Action item: Among the lines below, take the one holding "#69=IFCINDEXEDPOLYGONALFACE((25,27,28,26));", the one holding "#77=IFCINDEXEDPOLYGONALFACE((45,47,48,46));", and all lines between them. Set them down exactly.

Exercise data:
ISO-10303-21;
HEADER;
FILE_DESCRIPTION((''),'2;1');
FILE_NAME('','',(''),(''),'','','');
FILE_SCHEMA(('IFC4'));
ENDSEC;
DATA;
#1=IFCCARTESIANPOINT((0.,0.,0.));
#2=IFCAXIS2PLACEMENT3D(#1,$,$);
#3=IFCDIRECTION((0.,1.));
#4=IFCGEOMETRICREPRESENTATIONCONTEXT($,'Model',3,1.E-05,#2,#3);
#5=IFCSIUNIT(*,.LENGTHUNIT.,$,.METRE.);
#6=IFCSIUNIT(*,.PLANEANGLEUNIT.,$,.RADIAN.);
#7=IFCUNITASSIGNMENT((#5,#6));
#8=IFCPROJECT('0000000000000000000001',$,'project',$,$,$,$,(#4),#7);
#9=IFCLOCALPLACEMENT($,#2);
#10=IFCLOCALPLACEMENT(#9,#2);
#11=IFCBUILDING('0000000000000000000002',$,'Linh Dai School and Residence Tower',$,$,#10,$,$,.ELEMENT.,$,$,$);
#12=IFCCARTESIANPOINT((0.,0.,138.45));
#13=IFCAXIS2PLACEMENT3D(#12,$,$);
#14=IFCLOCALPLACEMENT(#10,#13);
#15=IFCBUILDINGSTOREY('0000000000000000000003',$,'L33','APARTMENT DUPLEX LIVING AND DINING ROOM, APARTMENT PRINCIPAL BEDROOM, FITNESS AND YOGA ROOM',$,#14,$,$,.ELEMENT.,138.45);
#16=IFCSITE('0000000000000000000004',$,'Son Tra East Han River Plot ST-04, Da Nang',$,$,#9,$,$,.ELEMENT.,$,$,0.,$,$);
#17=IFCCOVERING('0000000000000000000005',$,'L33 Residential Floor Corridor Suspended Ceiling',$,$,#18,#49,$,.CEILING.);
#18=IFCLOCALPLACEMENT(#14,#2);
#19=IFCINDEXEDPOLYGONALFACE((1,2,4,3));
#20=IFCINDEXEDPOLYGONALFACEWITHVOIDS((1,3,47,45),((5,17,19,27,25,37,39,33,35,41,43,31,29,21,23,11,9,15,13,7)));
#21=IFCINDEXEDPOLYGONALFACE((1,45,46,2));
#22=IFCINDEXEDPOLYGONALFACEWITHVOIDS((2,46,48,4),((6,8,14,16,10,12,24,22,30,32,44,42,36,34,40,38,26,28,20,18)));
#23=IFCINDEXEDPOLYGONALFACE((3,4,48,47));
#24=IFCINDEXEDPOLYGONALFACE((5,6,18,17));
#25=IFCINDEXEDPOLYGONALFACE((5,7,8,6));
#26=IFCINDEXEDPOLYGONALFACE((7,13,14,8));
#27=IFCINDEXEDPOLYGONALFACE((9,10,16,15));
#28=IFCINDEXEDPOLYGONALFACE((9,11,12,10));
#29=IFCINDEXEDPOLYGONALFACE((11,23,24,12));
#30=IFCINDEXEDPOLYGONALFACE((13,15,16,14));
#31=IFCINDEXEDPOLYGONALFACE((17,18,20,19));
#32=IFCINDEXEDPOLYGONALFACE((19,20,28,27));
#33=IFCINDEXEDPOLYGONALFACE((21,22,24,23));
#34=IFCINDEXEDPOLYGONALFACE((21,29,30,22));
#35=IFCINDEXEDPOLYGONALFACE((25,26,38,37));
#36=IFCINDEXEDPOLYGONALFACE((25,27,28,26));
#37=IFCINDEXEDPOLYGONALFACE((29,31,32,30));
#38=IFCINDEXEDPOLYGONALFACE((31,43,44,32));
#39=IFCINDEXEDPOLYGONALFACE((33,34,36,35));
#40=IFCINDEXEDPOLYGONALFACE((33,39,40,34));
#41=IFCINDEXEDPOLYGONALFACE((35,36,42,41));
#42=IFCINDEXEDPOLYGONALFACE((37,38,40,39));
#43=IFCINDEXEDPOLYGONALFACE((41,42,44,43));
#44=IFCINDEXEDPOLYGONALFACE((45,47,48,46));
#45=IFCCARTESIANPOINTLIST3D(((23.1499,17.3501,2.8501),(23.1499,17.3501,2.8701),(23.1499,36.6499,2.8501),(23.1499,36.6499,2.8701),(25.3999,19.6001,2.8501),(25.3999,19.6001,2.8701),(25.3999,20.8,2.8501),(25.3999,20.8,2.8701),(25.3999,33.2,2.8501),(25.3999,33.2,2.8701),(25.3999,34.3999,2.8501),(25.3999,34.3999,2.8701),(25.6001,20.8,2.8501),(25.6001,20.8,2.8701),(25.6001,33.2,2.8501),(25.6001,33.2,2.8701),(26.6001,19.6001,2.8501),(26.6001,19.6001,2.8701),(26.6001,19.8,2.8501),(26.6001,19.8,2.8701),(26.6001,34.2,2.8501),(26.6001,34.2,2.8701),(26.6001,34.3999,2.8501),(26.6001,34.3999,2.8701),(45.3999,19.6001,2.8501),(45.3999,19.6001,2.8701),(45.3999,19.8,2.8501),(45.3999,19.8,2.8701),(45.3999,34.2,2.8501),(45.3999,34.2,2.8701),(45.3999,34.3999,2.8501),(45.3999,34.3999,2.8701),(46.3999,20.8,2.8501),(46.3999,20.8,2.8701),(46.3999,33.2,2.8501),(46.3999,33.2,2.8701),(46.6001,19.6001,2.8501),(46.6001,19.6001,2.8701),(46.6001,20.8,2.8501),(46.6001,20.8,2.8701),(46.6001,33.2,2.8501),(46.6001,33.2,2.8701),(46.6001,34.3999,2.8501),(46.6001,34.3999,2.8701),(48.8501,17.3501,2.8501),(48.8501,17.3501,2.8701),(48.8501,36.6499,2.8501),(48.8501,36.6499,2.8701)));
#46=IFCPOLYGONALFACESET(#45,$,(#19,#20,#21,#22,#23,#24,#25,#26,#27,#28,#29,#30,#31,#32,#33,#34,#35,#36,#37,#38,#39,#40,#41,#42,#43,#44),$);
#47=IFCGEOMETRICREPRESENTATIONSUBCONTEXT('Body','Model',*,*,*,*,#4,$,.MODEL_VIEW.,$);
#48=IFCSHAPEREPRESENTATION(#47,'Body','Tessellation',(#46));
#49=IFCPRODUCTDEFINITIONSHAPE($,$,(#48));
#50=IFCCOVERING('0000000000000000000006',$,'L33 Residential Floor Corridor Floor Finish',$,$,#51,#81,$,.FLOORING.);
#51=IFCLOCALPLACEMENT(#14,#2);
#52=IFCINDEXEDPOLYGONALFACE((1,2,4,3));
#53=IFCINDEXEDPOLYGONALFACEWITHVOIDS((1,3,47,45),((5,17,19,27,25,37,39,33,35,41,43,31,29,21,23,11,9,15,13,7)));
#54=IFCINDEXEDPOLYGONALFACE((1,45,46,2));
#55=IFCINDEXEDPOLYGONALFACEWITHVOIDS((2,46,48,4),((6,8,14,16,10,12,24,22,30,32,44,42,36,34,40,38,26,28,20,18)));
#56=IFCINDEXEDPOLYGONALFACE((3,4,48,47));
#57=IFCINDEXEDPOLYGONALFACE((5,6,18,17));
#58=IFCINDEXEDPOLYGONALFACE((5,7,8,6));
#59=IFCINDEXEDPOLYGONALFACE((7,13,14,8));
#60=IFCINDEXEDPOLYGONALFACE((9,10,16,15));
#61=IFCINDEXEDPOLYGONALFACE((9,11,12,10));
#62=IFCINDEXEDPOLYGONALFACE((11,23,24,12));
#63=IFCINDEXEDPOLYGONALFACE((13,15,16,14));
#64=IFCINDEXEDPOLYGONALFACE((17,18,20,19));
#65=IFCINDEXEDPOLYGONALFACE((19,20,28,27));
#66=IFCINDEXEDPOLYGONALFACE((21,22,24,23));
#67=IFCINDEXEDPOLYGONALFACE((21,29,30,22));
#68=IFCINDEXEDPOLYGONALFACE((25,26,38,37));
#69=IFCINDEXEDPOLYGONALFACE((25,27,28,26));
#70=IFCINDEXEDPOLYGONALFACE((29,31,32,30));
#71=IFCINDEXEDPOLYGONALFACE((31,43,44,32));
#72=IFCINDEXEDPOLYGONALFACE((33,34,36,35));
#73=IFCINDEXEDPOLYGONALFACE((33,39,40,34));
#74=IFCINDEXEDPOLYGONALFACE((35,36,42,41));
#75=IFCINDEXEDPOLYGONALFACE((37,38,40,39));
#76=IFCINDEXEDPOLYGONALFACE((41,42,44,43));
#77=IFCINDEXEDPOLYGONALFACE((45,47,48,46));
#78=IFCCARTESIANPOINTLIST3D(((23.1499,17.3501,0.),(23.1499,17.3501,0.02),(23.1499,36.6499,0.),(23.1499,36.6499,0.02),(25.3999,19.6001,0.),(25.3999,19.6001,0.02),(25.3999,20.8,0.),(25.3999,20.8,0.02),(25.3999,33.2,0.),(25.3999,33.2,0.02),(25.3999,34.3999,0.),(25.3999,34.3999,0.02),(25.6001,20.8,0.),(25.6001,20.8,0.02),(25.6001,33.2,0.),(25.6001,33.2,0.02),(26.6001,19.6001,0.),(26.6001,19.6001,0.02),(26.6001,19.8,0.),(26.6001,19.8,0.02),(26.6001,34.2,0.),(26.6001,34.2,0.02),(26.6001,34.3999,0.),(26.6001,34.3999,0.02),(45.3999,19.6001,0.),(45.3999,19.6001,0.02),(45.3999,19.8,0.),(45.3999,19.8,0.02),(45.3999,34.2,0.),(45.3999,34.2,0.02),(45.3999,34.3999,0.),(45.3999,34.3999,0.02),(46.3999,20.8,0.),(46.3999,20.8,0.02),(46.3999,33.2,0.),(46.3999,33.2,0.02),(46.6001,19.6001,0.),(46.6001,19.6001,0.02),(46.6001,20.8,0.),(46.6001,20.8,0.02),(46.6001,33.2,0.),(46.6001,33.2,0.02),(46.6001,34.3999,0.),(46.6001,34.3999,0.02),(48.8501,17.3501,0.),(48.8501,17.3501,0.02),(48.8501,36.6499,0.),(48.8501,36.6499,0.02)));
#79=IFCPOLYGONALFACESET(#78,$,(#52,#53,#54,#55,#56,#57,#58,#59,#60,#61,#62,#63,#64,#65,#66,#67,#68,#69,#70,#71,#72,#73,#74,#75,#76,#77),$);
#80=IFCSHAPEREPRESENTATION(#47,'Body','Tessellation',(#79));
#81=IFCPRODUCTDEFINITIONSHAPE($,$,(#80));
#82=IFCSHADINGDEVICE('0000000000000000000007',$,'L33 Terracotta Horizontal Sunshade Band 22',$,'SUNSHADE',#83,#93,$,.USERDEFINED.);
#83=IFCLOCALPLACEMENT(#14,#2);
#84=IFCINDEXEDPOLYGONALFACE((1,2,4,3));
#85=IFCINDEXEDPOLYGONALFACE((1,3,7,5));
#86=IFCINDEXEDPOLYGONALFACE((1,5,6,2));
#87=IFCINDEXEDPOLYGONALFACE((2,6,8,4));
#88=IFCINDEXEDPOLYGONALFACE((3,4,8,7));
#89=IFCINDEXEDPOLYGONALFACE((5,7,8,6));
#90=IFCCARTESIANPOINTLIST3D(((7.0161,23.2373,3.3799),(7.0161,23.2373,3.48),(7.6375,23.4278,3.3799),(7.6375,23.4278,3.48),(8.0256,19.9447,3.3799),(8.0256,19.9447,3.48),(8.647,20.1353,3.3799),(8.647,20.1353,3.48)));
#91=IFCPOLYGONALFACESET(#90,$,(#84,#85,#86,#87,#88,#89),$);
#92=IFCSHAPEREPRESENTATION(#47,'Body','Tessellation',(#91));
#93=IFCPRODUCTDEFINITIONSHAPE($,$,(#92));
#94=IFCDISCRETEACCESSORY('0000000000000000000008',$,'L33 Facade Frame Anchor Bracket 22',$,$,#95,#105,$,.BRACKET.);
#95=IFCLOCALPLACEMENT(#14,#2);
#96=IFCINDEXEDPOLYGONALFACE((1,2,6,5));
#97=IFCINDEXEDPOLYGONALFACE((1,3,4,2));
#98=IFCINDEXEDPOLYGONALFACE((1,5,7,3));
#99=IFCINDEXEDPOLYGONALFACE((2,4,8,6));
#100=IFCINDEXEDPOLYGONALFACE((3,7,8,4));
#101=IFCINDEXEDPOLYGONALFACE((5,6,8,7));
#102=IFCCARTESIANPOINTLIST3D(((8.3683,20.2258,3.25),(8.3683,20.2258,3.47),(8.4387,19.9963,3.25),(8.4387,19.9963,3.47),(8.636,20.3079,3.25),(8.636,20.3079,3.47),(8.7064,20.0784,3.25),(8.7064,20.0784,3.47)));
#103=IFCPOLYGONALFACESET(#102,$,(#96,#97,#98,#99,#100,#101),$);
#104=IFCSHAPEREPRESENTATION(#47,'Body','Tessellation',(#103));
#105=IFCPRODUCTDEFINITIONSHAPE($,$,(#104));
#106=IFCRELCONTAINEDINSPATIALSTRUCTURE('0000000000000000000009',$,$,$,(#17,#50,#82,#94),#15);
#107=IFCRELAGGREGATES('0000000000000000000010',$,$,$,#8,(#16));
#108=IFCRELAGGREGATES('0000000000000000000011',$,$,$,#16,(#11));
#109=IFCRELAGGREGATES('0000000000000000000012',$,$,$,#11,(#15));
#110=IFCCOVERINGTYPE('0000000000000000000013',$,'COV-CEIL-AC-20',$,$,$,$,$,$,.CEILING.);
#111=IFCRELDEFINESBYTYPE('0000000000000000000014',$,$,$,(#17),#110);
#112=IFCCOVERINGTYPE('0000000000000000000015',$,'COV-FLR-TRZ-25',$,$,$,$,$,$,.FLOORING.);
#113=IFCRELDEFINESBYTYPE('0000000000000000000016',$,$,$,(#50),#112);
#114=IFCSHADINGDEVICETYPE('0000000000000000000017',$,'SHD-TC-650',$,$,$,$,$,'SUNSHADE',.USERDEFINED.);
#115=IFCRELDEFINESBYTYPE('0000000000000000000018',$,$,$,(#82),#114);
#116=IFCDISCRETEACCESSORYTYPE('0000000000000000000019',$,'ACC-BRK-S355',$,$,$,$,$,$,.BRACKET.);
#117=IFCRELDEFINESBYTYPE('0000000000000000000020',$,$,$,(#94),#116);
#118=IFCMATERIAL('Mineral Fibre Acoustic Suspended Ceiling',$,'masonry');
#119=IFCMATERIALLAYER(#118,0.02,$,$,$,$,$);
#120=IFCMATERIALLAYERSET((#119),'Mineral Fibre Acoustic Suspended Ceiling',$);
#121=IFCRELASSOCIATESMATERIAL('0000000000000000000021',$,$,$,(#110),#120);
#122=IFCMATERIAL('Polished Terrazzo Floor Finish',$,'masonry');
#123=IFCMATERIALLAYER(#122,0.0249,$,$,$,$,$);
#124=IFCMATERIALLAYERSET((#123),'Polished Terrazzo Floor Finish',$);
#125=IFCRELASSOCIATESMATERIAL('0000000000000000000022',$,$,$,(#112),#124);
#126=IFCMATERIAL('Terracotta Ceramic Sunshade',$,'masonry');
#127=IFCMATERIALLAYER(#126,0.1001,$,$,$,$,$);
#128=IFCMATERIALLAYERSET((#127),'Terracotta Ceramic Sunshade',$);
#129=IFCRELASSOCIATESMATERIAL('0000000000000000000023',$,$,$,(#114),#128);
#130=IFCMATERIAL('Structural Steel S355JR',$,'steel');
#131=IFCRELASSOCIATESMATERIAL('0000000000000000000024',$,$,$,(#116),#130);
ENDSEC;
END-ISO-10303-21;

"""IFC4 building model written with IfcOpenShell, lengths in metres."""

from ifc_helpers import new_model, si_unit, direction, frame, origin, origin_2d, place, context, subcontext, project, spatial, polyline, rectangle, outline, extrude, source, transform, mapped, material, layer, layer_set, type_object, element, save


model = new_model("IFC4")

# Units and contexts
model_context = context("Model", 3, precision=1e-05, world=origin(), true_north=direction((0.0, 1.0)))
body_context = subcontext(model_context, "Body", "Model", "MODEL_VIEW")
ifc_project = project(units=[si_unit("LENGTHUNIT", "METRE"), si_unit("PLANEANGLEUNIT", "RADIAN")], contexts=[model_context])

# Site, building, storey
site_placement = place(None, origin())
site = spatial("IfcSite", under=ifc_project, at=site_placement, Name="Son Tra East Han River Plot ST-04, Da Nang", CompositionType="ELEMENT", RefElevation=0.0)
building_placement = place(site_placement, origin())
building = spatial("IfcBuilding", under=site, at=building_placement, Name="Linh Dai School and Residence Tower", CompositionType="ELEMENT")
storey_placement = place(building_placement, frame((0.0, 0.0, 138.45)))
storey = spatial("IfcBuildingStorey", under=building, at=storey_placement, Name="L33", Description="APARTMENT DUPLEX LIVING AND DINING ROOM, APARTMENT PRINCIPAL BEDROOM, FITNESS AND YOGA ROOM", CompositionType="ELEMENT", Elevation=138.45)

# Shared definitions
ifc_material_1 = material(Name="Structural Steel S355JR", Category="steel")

Answer box:
#69=IFCINDEXEDPOLYGONALFACE((25,27,28,26));
#70=IFCINDEXEDPOLYGONALFACE((29,31,32,30));
#71=IFCINDEXEDPOLYGONALFACE((31,43,44,32));
#72=IFCINDEXEDPOLYGONALFACE((33,34,36,35));
#73=IFCINDEXEDPOLYGONALFACE((33,39,40,34));
#74=IFCINDEXEDPOLYGONALFACE((35,36,42,41));
#75=IFCINDEXEDPOLYGONALFACE((37,38,40,39));
#76=IFCINDEXEDPOLYGONALFACE((41,42,44,43));
#77=IFCINDEXEDPOLYGONALFACE((45,47,48,46));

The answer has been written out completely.